§ **YOUR ASSIGNMENT**: How many lines of the listing below contain the word "IFCLOCALPLACEMENT"? Reply with that number alone.

§ **DATA FOR REVIEW**:
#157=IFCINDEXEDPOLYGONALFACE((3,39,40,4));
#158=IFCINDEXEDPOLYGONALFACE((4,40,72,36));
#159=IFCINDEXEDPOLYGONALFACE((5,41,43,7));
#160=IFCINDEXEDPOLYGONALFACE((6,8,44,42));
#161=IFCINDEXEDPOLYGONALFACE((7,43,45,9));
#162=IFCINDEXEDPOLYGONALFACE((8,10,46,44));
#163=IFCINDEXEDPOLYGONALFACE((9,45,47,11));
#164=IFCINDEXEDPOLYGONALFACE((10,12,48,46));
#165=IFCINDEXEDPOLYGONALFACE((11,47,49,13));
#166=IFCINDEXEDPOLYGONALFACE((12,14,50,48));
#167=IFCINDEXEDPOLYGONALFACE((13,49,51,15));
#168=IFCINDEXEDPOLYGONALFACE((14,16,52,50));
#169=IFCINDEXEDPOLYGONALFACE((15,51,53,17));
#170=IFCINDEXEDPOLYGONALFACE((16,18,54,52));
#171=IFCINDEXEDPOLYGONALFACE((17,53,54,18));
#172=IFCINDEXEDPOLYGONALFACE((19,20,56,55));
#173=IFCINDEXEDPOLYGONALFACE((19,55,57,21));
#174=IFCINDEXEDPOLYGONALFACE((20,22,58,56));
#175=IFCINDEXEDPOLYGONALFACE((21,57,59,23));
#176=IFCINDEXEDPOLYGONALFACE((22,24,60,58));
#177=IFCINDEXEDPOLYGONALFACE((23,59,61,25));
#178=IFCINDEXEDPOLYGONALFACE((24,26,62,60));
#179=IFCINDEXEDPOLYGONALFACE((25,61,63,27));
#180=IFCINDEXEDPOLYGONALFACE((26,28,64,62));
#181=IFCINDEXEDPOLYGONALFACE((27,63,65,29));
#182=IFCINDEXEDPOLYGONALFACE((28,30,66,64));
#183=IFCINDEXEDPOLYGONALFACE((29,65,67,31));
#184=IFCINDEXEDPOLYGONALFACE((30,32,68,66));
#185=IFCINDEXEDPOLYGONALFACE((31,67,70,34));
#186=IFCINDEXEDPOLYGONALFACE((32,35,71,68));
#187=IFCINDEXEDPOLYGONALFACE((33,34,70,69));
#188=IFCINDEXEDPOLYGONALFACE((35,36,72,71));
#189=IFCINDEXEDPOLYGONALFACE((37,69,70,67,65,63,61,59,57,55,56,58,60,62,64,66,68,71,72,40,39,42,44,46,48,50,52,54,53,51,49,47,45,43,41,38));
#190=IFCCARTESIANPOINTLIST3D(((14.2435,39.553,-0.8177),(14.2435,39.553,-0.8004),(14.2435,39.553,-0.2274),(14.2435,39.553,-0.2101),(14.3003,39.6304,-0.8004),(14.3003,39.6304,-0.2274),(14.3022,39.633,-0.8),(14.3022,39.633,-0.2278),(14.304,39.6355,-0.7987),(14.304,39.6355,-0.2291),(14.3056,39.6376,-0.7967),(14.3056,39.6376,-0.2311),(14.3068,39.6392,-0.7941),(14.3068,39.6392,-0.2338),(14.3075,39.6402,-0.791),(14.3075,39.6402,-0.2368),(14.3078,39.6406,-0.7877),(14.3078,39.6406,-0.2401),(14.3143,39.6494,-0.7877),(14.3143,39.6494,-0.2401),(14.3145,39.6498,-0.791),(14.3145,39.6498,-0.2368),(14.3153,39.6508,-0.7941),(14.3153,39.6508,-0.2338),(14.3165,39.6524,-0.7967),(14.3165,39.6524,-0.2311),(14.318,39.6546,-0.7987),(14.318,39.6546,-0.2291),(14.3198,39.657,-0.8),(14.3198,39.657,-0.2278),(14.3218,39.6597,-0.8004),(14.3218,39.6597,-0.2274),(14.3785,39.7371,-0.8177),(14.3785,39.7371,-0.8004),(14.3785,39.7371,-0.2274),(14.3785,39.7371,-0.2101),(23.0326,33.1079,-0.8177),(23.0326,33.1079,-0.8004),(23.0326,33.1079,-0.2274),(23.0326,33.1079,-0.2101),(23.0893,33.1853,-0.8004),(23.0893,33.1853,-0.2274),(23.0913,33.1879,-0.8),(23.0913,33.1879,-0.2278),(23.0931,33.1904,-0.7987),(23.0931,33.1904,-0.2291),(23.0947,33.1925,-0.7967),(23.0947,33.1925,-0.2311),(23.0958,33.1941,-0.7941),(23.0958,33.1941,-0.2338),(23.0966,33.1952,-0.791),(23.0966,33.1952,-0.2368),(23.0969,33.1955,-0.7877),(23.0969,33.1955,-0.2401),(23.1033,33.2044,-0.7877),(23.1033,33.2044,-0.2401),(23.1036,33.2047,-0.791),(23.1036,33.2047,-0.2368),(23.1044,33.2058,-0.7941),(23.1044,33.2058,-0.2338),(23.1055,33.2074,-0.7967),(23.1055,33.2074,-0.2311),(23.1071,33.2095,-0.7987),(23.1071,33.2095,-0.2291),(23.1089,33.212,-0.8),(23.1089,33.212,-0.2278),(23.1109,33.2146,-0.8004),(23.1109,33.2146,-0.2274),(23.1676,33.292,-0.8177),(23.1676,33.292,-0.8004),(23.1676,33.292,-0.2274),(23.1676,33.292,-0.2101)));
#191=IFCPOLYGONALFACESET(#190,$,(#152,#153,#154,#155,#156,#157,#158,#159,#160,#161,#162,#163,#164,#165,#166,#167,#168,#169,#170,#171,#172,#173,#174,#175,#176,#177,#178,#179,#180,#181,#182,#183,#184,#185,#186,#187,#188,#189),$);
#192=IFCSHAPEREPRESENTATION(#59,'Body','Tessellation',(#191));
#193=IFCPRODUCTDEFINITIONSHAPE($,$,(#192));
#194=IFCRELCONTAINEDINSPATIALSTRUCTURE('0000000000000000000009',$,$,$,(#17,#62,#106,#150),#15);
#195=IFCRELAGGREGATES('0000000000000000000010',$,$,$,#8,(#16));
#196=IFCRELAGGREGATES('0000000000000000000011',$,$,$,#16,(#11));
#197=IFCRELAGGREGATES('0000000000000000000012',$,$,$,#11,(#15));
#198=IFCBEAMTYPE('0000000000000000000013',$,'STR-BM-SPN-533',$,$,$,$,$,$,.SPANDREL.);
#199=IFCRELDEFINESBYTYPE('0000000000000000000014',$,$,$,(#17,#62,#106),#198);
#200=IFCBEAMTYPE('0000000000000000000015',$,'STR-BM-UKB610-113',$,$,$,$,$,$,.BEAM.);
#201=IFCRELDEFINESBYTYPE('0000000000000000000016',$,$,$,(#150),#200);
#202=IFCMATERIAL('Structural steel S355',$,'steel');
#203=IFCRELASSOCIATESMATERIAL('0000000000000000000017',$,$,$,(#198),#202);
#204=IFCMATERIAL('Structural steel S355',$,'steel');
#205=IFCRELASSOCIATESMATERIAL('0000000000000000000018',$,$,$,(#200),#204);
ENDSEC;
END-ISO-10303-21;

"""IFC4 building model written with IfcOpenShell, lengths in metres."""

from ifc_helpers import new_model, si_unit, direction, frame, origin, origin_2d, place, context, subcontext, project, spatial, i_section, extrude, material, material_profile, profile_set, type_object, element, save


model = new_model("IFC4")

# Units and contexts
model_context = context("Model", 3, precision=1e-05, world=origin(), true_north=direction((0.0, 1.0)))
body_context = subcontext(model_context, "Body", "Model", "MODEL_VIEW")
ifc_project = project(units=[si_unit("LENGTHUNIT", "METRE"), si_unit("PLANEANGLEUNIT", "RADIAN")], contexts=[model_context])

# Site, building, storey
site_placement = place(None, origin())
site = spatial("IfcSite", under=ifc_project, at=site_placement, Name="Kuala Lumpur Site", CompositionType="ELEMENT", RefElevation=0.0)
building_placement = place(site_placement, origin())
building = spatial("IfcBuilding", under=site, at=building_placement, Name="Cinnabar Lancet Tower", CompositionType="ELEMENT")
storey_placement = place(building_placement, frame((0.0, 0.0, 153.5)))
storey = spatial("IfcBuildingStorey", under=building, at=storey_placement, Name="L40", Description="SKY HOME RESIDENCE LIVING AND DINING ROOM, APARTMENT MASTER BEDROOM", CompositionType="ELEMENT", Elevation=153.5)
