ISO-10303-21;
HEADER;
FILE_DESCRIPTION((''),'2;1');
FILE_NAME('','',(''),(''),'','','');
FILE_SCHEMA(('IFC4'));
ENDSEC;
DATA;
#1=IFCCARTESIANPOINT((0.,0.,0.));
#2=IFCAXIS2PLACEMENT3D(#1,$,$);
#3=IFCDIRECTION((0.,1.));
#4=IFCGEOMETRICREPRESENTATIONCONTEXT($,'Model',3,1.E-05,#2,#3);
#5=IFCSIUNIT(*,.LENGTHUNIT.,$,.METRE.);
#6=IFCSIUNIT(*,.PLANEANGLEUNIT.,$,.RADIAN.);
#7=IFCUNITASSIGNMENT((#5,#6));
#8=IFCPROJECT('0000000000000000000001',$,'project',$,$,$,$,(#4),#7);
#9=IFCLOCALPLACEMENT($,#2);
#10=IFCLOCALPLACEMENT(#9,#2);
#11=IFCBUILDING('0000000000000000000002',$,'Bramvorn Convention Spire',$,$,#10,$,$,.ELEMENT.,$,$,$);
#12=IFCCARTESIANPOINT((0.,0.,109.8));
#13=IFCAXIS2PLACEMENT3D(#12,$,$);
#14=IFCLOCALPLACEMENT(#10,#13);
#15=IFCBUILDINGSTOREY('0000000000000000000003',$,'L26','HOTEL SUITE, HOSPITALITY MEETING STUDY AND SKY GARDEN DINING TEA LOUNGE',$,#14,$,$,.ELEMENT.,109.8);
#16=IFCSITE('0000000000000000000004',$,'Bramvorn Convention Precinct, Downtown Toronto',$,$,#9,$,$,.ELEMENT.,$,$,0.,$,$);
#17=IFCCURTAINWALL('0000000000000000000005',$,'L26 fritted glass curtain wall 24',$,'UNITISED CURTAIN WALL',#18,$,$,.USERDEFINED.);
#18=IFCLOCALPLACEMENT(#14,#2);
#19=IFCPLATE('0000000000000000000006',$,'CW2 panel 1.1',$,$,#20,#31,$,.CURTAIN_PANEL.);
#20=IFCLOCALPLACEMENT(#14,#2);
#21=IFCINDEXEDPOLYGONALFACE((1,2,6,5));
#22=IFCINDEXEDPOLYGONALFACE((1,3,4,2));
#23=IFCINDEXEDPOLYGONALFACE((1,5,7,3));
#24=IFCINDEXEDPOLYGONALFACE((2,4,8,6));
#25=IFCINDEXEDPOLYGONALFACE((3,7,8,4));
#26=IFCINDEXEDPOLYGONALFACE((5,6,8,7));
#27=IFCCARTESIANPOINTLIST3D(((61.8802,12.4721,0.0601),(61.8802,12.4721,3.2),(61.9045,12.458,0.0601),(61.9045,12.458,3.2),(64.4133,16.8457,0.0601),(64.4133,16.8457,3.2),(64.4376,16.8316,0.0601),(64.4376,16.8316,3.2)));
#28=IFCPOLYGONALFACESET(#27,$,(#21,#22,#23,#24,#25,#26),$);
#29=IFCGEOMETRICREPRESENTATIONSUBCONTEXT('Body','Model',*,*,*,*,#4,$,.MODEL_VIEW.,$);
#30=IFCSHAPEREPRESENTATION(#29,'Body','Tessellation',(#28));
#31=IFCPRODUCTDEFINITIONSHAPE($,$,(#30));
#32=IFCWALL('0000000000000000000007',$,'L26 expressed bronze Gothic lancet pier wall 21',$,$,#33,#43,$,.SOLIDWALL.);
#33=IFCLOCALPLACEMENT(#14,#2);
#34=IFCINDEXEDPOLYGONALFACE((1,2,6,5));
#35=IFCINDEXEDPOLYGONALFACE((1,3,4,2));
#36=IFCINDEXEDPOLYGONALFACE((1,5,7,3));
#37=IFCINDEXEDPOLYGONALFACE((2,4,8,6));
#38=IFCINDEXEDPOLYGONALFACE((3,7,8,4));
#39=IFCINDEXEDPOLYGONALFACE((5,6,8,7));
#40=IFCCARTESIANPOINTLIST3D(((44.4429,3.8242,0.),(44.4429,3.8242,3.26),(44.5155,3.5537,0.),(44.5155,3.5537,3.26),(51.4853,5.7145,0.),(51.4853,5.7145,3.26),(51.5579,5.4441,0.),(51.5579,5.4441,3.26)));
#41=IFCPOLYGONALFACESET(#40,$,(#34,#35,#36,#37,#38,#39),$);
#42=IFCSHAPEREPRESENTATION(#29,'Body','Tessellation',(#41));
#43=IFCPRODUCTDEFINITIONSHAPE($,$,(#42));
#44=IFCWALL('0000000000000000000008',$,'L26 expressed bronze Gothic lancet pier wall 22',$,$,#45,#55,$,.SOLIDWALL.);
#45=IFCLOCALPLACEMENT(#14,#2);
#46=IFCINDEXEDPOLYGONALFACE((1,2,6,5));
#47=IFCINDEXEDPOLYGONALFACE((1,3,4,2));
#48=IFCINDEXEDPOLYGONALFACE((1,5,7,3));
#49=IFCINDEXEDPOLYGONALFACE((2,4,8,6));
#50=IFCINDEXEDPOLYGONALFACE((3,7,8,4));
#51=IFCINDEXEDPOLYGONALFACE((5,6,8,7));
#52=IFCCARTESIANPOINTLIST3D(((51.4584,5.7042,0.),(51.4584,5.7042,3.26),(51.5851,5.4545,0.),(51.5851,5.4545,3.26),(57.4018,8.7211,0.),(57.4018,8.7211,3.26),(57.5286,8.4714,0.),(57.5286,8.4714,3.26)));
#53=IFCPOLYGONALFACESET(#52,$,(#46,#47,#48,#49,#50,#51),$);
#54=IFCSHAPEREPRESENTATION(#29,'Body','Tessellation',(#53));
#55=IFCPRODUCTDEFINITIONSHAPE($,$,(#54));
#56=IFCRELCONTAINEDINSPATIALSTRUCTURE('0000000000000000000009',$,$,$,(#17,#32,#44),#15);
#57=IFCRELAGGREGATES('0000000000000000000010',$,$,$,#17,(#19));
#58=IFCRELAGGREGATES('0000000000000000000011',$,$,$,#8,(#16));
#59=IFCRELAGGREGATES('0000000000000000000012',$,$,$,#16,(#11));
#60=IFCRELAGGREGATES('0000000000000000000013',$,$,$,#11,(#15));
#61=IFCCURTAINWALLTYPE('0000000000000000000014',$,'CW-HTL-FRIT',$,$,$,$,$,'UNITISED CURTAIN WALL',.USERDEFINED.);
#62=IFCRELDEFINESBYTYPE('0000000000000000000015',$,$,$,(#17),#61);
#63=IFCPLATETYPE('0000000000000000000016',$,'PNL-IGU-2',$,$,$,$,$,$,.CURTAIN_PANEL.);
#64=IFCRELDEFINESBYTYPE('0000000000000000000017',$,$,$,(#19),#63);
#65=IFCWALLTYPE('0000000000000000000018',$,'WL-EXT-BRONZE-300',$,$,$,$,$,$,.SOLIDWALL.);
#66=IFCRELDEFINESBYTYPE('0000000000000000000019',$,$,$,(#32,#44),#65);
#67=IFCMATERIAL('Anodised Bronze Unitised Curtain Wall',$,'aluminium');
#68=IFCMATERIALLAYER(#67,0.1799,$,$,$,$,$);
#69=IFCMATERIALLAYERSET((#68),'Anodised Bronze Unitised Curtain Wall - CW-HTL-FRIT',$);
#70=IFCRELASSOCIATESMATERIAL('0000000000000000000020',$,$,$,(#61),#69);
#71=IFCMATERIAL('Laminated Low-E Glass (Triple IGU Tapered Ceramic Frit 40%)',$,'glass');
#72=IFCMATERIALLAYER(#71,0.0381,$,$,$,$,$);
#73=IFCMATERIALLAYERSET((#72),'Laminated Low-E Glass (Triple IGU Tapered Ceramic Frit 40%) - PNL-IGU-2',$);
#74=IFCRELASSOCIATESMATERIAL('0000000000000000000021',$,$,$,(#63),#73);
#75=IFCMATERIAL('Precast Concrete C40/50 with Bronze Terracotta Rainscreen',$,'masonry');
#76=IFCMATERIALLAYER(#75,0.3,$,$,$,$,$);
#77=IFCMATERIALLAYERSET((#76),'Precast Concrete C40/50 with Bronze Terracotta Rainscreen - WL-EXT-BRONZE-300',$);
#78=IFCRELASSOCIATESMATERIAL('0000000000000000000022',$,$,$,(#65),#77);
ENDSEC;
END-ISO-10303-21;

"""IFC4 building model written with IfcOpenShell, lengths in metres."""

from ifc_helpers import new_model, si_unit, direction, frame, frame_2d, origin, origin_2d, place, context, subcontext, project, spatial, rectangle, extrude, material, layer, layer_set, type_object, element, aggregate, save


model = new_model("IFC4")

# Units and contexts
model_context = context("Model", 3, precision=1e-05, world=origin(), true_north=direction((0.0, 1.0)))
body_context = subcontext(model_context, "Body", "Model", "MODEL_VIEW")
ifc_project = project(units=[si_unit("LENGTHUNIT", "METRE"), si_unit("PLANEANGLEUNIT", "RADIAN")], contexts=[model_context])

# Site, building, storey
site_placement = place(None, origin())
site = spatial("IfcSite", under=ifc_project, at=site_placement, Name="Bramvorn Convention Precinct, Downtown Toronto", CompositionType="ELEMENT", RefElevation=0.0)
building_placement = place(site_placement, origin())
building = spatial("IfcBuilding", under=site, at=building_placement, Name="Bramvorn Convention Spire", CompositionType="ELEMENT")
storey_placement = place(building_placement, frame((0.0, 0.0, 109.8)))
storey = spatial("IfcBuildingStorey", under=building, at=storey_placement, Name="L26", Description="HOTEL SUITE, HOSPITALITY MEETING STUDY AND SKY GARDEN DINING TEA LOUNGE", CompositionType="ELEMENT", Elevation=109.8)

# Shared definitions
ifc_material_1 = material(Name="Anodised Bronze Unitised Curtain Wall", Category="aluminium")
ifc_layer_1 = layer(ifc_material_1, 0.1799)
ifc_layer_set_1 = layer_set([ifc_layer_1], Name="Anodised Bronze Unitised Curtain Wall - CW-HTL-FRIT")
curtain_wall_type = type_object("IfcCurtainWallType", Name="CW-HTL-FRIT", ElementType="UNITISED CURTAIN WALL", PredefinedType="USERDEFINED", material=ifc_layer_set_1)

# Curtain wall
curtain_wall_1_placement = place(storey_placement, origin())
curtain_wall_1 = element("IfcCurtainWall", 1, at=curtain_wall_1_placement, inside=storey, type_object=curtain_wall_type, Name="L26 fritted glass curtain wall 24", ObjectType="UNITISED CURTAIN WALL", PredefinedType="USERDEFINED")

# Plate
ifc_material_2 = material(Name="Laminated Low-E Glass (Triple IGU Tapered Ceramic Frit 40%)", Category="glass")
ifc_layer_2 = layer(ifc_material_2, 0.0381)
ifc_layer_set_2 = layer_set([ifc_layer_2], Name="Laminated Low-E Glass (Triple IGU Tapered Ceramic Frit 40%) - PNL-IGU-2")
plate_type = type_object("IfcPlateType", Name="PNL-IGU-2", PredefinedType="CURTAIN_PANEL", material=ifc_layer_set_2)
plate_1_placement = place(storey_placement, frame((63.1589, 14.6519, 0.0601), z_axis=(0.0, 0.0, 1.0), x_axis=(-0.50119, -0.865337, 0.0)))
plate_1 = element("IfcPlate", 2, at=plate_1_placement, type_object=plate_type, Name="CW2 panel 1.1", PredefinedType="CURTAIN_PANEL", context=body_context, shape_type="SweptSolid", body=[
    extrude(rectangle(XDim=5.0542, YDim=0.0281, at=origin_2d()), origin(), (0.0, 0.0, 1.0), 3.1399),
])
aggregate(curtain_wall_1, [plate_1])

# Walls
ifc_material_3 = material(Name="Precast Concrete C40/50 with Bronze Terracotta Rainscreen", Category="masonry")
ifc_layer_3 = layer(ifc_material_3, 0.3)
ifc_layer_set_3 = layer_set([ifc_layer_3], Name="Precast Concrete C40/50 with Bronze Terracotta Rainscreen - WL-EXT-BRONZE-300")
wall_type = type_object("IfcWallType", Name="WL-EXT-BRONZE-300", PredefinedType="SOLIDWALL", material=ifc_layer_set_3)
wall_1_placement = place(storey_placement, frame((51.5217, 5.5793, 0.0), z_axis=(0.0, 0.0, 1.0), x_axis=(-0.965811, -0.259248, 0.0)))
element("IfcWall", 3, at=wall_1_placement, inside=storey, type_object=wall_type, Name="L26 expressed bronze Gothic lancet pier wall 21", PredefinedType="SOLIDWALL", context=body_context, shape_type="SweptSolid", body=[
    extrude(rectangle(XDim=7.2917, YDim=0.28, at=frame_2d((3.646, 0.0))), origin(), (0.0, 0.0, 1.0), 3.26),
])
wall_2_placement = place(storey_placement, frame((57.4651, 8.5962, 0.0), z_axis=(0.0, 0.0, 1.0), x_axis=(-0.8917, -0.452626, 0.0)))
element("IfcWall", 4, at=wall_2_placement, inside=storey, type_object=wall_type, Name="L26 expressed bronze Gothic lancet pier wall 22", PredefinedType="SOLIDWALL", context=body_context, shape_type="SweptSolid", body=[
    extrude(rectangle(XDim=6.6653, YDim=0.28, at=frame_2d((3.3325, 0.0))), origin(), (0.0, 0.0, 1.0), 3.26),
])

save(model, "model.ifc")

§ **OUTPUT FOR THIS TASK**: 7